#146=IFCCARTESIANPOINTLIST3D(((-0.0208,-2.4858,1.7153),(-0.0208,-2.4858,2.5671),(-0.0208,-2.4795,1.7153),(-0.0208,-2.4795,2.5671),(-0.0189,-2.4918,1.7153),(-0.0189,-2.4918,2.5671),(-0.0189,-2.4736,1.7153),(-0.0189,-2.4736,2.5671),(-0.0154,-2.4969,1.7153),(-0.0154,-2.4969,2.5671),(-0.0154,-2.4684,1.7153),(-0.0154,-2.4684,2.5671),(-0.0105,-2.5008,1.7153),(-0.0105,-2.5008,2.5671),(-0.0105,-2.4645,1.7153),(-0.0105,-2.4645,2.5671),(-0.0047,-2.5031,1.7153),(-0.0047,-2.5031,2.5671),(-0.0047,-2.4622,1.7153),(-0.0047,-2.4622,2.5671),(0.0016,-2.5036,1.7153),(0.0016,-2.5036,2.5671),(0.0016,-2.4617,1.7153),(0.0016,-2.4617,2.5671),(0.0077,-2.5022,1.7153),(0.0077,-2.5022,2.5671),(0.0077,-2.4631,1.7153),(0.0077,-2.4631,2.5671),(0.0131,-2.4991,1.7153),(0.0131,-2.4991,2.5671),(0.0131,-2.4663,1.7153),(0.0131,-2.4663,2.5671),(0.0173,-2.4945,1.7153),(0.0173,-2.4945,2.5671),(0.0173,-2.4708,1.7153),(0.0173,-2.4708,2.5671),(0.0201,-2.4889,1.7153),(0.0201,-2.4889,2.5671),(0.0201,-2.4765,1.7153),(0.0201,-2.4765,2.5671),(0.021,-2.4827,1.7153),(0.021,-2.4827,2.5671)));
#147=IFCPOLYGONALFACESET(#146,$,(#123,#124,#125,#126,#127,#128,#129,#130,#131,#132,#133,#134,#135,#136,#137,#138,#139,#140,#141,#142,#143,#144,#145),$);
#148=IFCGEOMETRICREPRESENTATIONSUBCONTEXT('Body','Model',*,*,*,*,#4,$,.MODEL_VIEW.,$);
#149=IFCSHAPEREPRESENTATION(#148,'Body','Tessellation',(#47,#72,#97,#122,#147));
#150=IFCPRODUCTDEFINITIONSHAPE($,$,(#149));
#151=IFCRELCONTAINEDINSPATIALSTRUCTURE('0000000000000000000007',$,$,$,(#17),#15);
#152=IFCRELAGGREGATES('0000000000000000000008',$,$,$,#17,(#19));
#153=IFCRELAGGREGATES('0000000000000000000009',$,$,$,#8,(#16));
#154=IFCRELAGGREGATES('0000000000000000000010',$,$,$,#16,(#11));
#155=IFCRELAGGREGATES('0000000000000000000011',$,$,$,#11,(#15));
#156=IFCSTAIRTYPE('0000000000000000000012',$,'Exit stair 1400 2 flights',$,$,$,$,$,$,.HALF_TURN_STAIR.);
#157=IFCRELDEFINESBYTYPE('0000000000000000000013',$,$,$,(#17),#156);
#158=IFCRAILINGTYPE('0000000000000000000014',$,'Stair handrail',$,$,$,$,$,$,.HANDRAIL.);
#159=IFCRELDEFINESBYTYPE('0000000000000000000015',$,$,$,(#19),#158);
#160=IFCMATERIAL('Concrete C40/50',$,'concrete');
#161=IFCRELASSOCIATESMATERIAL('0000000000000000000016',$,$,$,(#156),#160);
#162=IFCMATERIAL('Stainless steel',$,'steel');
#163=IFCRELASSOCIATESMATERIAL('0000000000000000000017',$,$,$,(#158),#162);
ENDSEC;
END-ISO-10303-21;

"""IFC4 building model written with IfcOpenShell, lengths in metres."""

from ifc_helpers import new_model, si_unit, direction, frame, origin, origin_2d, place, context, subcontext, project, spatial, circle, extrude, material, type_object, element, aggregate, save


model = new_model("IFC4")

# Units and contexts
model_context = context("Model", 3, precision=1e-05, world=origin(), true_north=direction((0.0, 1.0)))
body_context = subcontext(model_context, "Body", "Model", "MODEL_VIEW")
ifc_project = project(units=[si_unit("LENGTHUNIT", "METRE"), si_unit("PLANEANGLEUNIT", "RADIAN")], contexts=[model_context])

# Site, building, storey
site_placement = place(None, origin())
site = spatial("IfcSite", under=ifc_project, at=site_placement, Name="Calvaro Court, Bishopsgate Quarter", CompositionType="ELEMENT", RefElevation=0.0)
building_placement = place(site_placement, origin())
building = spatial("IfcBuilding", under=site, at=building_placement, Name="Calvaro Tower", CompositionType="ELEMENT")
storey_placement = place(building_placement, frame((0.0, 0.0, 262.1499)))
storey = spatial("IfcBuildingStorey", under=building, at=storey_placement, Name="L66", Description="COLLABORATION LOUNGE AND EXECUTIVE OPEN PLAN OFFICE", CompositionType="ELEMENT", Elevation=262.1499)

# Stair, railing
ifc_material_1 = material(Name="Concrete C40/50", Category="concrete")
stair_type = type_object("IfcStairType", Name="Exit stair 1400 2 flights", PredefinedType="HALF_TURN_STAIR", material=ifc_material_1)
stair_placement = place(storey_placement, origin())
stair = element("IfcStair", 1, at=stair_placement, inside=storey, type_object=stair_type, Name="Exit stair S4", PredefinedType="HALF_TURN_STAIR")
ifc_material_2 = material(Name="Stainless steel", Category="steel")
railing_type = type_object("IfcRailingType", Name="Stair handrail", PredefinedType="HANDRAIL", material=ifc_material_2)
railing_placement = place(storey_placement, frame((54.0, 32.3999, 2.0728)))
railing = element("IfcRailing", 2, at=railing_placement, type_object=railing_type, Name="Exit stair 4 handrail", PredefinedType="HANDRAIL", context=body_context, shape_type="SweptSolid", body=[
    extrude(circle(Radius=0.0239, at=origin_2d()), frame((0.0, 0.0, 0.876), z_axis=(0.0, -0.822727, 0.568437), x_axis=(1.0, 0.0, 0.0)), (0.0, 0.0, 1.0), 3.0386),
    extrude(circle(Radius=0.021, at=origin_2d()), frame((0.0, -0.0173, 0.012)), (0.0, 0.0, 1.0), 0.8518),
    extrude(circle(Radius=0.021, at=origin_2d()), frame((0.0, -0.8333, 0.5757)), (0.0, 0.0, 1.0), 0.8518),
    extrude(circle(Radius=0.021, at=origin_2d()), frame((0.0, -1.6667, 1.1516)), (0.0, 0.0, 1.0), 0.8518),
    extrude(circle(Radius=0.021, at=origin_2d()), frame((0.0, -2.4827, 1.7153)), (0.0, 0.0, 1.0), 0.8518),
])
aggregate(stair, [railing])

# TASK TO COMPLETE
Only the lines above from the one with "world=origin(), true_north=direction((0.0, 1.0)))" through the one with "building_placement = place(site_placement, origin())" should be duplicated, character for character.

# WRITTEN REPLY
model_context = context("Model", 3, precision=1e-05, world=origin(), true_north=direction((0.0, 1.0)))
body_context = subcontext(model_context, "Body", "Model", "MODEL_VIEW")
ifc_project = project(units=[si_unit("LENGTHUNIT", "METRE"), si_unit("PLANEANGLEUNIT", "RADIAN")], contexts=[model_context])

# Site, building, storey
site_placement = place(None, origin())
site = spatial("IfcSite", under=ifc_project, at=site_placement, Name="Calvaro Court, Bishopsgate Quarter", CompositionType="ELEMENT", RefElevation=0.0)
building_placement = place(site_placement, origin())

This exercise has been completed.